◆ **TASK STATEMENT**
Records follow. Pull out every line that contains "Cast".

◆ **DATA FOR THIS EXERCISE**
►
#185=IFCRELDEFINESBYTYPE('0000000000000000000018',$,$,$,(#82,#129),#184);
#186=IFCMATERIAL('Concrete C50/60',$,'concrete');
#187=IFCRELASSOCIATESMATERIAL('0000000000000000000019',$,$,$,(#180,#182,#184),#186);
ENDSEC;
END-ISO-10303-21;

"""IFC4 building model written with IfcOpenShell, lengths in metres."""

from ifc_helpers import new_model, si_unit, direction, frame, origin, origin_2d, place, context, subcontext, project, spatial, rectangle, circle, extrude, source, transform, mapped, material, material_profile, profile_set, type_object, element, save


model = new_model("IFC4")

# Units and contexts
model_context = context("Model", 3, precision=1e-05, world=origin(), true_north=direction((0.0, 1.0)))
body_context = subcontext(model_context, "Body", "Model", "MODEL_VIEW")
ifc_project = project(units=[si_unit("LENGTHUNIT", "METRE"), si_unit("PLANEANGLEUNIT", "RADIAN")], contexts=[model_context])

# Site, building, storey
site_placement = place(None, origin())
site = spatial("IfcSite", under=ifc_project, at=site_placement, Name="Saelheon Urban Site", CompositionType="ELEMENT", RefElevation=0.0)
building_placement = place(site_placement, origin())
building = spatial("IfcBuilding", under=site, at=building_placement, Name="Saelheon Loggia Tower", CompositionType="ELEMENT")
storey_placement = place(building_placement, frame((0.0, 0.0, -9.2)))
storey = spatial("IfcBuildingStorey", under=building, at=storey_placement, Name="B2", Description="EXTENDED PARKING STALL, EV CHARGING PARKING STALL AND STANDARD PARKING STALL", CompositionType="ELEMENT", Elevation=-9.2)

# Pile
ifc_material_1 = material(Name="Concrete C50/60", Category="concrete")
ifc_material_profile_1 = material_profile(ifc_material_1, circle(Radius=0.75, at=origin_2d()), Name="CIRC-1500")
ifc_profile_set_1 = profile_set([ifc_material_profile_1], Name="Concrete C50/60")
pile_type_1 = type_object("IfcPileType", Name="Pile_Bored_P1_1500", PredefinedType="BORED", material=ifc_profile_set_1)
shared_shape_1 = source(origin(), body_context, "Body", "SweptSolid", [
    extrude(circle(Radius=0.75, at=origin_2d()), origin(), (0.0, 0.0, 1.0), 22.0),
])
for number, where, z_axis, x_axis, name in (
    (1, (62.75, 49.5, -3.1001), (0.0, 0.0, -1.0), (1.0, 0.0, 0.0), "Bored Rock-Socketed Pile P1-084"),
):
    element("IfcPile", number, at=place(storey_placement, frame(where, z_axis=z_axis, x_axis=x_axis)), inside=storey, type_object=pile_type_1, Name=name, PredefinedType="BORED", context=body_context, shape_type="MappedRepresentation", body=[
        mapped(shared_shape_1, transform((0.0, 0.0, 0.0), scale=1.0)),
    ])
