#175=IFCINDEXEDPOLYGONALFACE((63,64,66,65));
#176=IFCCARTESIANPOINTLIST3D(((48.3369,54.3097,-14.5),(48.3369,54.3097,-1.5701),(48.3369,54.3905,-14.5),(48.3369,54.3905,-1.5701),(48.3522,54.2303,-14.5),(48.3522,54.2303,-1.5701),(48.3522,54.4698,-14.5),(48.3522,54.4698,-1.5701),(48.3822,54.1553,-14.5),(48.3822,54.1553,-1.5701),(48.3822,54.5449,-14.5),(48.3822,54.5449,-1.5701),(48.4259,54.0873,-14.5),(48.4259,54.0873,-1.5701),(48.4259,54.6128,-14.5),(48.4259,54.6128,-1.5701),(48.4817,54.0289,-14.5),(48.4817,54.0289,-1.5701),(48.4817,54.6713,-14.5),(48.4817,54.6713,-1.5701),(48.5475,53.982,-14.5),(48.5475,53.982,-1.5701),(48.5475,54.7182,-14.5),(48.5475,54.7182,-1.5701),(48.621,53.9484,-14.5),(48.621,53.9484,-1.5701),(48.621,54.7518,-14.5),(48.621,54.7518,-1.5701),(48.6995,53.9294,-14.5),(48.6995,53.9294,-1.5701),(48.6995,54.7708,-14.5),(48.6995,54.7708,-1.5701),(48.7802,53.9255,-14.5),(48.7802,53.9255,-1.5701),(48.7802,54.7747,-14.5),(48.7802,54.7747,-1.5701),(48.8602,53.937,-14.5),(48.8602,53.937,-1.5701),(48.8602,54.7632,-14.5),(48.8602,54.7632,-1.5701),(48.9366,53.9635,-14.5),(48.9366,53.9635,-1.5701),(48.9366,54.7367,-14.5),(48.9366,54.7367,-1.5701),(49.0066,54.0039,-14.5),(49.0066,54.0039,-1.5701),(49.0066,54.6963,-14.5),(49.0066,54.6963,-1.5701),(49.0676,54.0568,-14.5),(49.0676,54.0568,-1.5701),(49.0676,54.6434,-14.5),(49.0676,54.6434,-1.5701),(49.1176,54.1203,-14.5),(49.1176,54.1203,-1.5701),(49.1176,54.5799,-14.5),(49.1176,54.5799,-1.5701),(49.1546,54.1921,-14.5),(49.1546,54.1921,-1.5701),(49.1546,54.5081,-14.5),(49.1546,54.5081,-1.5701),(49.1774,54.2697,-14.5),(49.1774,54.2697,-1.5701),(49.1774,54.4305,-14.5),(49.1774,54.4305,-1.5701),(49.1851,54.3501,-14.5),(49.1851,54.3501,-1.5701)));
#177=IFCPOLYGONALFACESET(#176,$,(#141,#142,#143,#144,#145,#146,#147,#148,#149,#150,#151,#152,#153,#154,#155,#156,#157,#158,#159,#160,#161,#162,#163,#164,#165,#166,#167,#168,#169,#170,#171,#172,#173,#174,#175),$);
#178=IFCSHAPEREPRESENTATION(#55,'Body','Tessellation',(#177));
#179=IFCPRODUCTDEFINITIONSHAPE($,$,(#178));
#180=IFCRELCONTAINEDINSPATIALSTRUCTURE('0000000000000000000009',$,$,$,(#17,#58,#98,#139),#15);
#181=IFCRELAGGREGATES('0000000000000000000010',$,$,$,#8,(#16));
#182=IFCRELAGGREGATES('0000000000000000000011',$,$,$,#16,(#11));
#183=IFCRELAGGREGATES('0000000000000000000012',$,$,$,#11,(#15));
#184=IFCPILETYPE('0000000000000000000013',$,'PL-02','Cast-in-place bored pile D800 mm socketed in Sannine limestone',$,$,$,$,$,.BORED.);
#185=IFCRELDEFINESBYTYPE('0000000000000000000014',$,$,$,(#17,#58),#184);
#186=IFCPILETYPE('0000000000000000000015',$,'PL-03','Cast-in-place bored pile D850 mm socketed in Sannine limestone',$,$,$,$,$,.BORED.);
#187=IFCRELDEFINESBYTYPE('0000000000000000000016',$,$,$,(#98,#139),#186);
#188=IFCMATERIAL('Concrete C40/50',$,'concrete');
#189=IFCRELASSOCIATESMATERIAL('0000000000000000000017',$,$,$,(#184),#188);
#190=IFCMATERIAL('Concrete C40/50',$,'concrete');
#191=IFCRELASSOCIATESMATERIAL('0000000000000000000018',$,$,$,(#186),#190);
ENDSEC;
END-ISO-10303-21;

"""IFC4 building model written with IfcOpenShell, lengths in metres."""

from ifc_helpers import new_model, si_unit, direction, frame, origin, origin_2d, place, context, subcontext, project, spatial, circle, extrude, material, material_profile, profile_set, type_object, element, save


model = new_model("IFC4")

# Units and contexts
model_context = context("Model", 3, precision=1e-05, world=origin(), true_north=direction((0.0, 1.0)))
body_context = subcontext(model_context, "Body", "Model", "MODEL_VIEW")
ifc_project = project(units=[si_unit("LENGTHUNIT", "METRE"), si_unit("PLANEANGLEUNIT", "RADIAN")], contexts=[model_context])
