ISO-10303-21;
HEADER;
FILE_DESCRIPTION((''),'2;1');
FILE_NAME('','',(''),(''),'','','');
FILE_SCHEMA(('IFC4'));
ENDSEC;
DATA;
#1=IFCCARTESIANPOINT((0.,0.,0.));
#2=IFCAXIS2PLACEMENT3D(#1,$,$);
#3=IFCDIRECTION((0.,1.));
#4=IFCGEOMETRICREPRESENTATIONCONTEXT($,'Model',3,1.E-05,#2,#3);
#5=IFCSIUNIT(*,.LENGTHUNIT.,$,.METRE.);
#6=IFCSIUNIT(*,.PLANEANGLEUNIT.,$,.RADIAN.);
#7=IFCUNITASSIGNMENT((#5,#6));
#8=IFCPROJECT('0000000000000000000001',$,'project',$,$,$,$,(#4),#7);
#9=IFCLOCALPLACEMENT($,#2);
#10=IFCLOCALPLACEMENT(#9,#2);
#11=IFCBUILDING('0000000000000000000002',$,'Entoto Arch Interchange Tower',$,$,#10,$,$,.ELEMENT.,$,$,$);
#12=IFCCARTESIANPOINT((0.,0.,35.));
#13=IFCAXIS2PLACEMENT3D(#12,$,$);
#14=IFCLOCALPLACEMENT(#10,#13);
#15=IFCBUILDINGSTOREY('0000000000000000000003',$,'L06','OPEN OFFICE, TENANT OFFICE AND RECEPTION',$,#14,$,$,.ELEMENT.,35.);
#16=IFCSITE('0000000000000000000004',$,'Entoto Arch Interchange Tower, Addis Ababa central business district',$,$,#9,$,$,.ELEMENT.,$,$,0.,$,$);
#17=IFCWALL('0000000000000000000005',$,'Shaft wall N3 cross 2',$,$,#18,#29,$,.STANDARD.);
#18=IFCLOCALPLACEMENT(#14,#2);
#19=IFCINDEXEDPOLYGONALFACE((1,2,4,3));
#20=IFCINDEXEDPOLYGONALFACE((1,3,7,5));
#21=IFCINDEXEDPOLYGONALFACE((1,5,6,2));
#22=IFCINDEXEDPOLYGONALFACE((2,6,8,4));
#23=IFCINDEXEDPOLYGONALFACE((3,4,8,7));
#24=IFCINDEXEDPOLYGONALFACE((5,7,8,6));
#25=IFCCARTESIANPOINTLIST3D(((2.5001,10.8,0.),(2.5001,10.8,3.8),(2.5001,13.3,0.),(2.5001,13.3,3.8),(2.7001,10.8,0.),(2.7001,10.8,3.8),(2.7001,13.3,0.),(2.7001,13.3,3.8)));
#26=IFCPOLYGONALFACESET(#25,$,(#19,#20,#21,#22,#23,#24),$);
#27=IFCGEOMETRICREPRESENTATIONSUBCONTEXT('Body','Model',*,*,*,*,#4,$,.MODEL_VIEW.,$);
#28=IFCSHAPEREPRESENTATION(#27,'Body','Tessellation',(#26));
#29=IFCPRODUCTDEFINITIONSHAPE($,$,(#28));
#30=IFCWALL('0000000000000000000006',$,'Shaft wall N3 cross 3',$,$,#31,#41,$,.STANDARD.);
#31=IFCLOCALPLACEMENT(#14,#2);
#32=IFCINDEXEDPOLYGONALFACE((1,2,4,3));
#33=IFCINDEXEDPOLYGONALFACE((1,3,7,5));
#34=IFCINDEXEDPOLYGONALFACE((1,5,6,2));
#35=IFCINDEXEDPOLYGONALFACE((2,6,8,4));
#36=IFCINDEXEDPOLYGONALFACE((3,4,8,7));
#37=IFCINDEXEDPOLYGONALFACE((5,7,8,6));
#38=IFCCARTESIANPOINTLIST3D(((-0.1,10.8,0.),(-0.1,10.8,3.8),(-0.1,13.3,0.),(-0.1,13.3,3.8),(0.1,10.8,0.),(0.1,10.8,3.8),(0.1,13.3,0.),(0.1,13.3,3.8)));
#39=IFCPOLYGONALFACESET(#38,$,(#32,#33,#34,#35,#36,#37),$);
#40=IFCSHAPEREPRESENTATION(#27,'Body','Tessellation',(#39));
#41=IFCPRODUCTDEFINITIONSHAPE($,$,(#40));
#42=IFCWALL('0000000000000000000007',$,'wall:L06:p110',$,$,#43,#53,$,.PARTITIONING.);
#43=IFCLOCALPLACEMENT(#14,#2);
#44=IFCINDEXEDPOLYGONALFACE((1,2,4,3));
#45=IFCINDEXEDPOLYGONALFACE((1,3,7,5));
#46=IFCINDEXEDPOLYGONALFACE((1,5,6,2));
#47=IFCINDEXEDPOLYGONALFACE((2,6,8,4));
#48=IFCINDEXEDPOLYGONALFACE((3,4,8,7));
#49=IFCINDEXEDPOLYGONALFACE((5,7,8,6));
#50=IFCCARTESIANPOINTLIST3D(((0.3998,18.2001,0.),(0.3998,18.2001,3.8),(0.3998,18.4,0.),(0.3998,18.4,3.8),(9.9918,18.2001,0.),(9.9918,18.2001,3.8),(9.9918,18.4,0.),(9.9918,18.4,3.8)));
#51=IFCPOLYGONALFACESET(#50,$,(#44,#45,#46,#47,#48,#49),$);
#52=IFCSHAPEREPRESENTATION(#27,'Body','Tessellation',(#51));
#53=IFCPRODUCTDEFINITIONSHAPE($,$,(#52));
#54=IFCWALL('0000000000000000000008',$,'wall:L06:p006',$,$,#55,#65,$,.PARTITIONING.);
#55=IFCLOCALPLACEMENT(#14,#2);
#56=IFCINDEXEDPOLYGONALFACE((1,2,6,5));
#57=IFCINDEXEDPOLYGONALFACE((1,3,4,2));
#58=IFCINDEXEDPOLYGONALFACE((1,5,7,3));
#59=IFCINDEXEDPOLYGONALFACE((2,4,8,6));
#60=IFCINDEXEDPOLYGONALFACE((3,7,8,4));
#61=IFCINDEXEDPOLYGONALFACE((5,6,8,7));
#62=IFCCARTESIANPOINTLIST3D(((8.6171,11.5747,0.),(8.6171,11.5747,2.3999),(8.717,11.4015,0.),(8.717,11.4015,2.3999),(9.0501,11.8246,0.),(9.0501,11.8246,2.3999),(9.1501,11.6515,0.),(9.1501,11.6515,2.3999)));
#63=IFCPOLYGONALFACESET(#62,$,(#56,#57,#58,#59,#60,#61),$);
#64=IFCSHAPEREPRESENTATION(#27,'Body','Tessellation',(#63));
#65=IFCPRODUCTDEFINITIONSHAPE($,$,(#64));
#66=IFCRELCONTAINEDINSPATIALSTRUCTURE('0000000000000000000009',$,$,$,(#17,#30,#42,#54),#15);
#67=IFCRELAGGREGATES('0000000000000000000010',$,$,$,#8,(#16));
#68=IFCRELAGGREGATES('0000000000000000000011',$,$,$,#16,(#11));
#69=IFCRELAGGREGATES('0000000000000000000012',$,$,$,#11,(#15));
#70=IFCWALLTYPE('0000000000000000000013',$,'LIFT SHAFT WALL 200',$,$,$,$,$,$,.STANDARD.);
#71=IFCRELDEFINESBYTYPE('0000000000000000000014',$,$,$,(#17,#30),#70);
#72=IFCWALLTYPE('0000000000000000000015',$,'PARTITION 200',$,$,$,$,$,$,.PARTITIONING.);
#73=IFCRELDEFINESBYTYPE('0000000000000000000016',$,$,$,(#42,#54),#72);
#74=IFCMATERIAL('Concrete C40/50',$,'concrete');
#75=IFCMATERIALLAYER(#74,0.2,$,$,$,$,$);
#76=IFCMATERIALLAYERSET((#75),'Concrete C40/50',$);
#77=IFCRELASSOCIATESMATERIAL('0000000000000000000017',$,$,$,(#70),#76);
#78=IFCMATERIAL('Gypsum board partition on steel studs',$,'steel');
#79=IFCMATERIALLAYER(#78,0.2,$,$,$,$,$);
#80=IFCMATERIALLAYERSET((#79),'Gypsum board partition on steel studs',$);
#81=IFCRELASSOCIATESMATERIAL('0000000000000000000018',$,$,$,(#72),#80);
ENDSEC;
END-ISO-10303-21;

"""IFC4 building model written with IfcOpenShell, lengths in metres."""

from ifc_helpers import new_model, si_unit, direction, frame, frame_2d, origin, place, context, subcontext, project, spatial, rectangle, extrude, material, layer, layer_set, type_object, element, save


model = new_model("IFC4")

# Units and contexts
model_context = context("Model", 3, precision=1e-05, world=origin(), true_north=direction((0.0, 1.0)))
body_context = subcontext(model_context, "Body", "Model", "MODEL_VIEW")
ifc_project = project(units=[si_unit("LENGTHUNIT", "METRE"), si_unit("PLANEANGLEUNIT", "RADIAN")], contexts=[model_context])

# Site, building, storey
site_placement = place(None, origin())
site = spatial("IfcSite", under=ifc_project, at=site_placement, Name="Entoto Arch Interchange Tower, Addis Ababa central business district", CompositionType="ELEMENT", RefElevation=0.0)
building_placement = place(site_placement, origin())
building = spatial("IfcBuilding", under=site, at=building_placement, Name="Entoto Arch Interchange Tower", CompositionType="ELEMENT")
storey_placement = place(building_placement, frame((0.0, 0.0, 35.0)))
storey = spatial("IfcBuildingStorey", under=building, at=storey_placement, Name="L06", Description="OPEN OFFICE, TENANT OFFICE AND RECEPTION", CompositionType="ELEMENT", Elevation=35.0)

# Shared definitions
ifc_material_1 = material(Name="Concrete C40/50", Category="concrete")

# Walls
ifc_layer_1 = layer(ifc_material_1, 0.2)
ifc_layer_set_1 = layer_set([ifc_layer_1], Name="Concrete C40/50")
wall_type_1 = type_object("IfcWallType", Name="LIFT SHAFT WALL 200", PredefinedType="STANDARD", material=ifc_layer_set_1)
for number, where, z_axis, x_axis, name in (
    (1, (2.6001, 10.8, 0.0), (0.0, 0.0, 1.0), (0.0, 1.0, 0.0), "Shaft wall N3 cross 2"),
    (2, (0.0, 10.8, 0.0), (0.0, 0.0, 1.0), (0.0, 1.0, 0.0), "Shaft wall N3 cross 3"),
):
    element("IfcWall", number, at=place(storey_placement, frame(where, z_axis=z_axis, x_axis=x_axis)), inside=storey, type_object=wall_type_1, Name=name, PredefinedType="STANDARD", context=body_context, shape_type="SweptSolid", body=[
        extrude(rectangle(XDim=2.5, YDim=0.2, at=frame_2d((1.25, 0.0))), origin(), (0.0, 0.0, 1.0), 3.8),
    ])
ifc_material_2 = material(Name="Gypsum board partition on steel studs", Category="steel")
ifc_layer_2 = layer(ifc_material_2, 0.2)
ifc_layer_set_2 = layer_set([ifc_layer_2], Name="Gypsum board partition on steel studs")
wall_type_2 = type_object("IfcWallType", Name="PARTITION 200", PredefinedType="PARTITIONING", material=ifc_layer_set_2)
wall_1_placement = place(storey_placement, frame((0.3999, 18.3, 0.0), z_axis=(0.0, 0.0, 1.0), x_axis=(1.0, 0.0, 0.0)))
element("IfcWall", 3, at=wall_1_placement, inside=storey, type_object=wall_type_2, Name="wall:L06:p110", PredefinedType="PARTITIONING", context=body_context, shape_type="SweptSolid", body=[
    extrude(rectangle(XDim=9.592, YDim=0.2, at=frame_2d((4.7959, 0.0))), origin(), (0.0, 0.0, 1.0), 3.8),
])
wall_2_placement = place(storey_placement, frame((9.1001, 11.738, 0.0), z_axis=(0.0, 0.0, 1.0), x_axis=(-0.866072, -0.49992, 0.0)))
element("IfcWall", 4, at=wall_2_placement, inside=storey, type_object=wall_type_2, Name="wall:L06:p006", PredefinedType="PARTITIONING", context=body_context, shape_type="SweptSolid", body=[
    extrude(rectangle(XDim=0.5, YDim=0.2, at=frame_2d((0.25, 0.0))), origin(), (0.0, 0.0, 1.0), 2.3999),
])

save(model, "model.ifc")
◄
◆ **ANSWER SECTION**
#184=IFCPILETYPE('0000000000000000000013',$,'PL-02','Cast-in-place bored pile D800 mm socketed in Sannine limestone',$,$,$,$,$,.BORED.);
#186=IFCPILETYPE('0000000000000000000015',$,'PL-03','Cast-in-place bored pile D850 mm socketed in Sannine limestone',$,$,$,$,$,.BORED.);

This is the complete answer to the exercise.